- _Assignment_
Check each line of the material. Copy those containing "door".

[Listed entries]

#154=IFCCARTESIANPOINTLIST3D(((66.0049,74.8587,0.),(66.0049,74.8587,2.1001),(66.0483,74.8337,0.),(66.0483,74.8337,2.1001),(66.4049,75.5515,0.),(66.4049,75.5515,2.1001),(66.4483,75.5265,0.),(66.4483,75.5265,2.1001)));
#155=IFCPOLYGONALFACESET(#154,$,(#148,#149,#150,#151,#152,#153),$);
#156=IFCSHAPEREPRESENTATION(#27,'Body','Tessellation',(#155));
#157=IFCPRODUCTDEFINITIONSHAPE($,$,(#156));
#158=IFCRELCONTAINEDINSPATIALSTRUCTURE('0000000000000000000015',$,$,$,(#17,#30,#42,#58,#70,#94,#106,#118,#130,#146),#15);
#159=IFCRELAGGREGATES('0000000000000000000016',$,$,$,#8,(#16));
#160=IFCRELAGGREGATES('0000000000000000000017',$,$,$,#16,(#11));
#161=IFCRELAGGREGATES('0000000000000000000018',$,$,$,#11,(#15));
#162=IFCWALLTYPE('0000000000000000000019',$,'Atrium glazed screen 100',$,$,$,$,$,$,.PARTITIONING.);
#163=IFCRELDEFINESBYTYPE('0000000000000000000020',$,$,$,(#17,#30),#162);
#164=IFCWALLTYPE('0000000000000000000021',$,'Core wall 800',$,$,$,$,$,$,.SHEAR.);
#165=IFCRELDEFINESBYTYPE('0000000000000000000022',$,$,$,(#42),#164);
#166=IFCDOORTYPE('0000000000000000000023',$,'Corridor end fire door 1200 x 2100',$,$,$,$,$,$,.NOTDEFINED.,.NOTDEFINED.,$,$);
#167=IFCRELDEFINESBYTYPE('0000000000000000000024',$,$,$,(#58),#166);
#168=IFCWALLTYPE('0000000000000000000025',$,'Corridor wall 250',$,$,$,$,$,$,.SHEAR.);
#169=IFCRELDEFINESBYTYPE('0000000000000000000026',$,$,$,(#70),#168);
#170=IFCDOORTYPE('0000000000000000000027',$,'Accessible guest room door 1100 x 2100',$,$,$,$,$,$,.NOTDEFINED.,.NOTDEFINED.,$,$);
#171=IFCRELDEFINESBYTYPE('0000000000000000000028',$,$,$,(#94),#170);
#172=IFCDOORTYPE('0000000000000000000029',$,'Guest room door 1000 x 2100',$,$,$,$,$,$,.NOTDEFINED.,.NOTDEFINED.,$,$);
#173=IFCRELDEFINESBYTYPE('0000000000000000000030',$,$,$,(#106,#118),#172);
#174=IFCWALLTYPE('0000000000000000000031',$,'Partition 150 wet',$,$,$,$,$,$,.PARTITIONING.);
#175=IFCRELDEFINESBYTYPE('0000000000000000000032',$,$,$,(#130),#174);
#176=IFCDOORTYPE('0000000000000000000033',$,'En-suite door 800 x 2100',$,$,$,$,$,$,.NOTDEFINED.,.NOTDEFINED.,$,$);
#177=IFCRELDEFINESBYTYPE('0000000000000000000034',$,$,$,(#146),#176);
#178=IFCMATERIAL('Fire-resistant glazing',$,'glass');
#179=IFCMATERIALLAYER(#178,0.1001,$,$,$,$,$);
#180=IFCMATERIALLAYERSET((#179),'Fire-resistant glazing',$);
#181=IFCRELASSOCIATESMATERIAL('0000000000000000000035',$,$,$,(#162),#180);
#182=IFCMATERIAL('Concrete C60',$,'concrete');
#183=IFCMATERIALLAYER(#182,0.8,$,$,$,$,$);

[/Listed entries]

- _Written answer_
#166=IFCDOORTYPE('0000000000000000000023',$,'Corridor end fire door 1200 x 2100',$,$,$,$,$,$,.NOTDEFINED.,.NOTDEFINED.,$,$);
#170=IFCDOORTYPE('0000000000000000000027',$,'Accessible guest room door 1100 x 2100',$,$,$,$,$,$,.NOTDEFINED.,.NOTDEFINED.,$,$);
#172=IFCDOORTYPE('0000000000000000000029',$,'Guest room door 1000 x 2100',$,$,$,$,$,$,.NOTDEFINED.,.NOTDEFINED.,$,$);
#176=IFCDOORTYPE('0000000000000000000033',$,'En-suite door 800 x 2100',$,$,$,$,$,$,.NOTDEFINED.,.NOTDEFINED.,$,$);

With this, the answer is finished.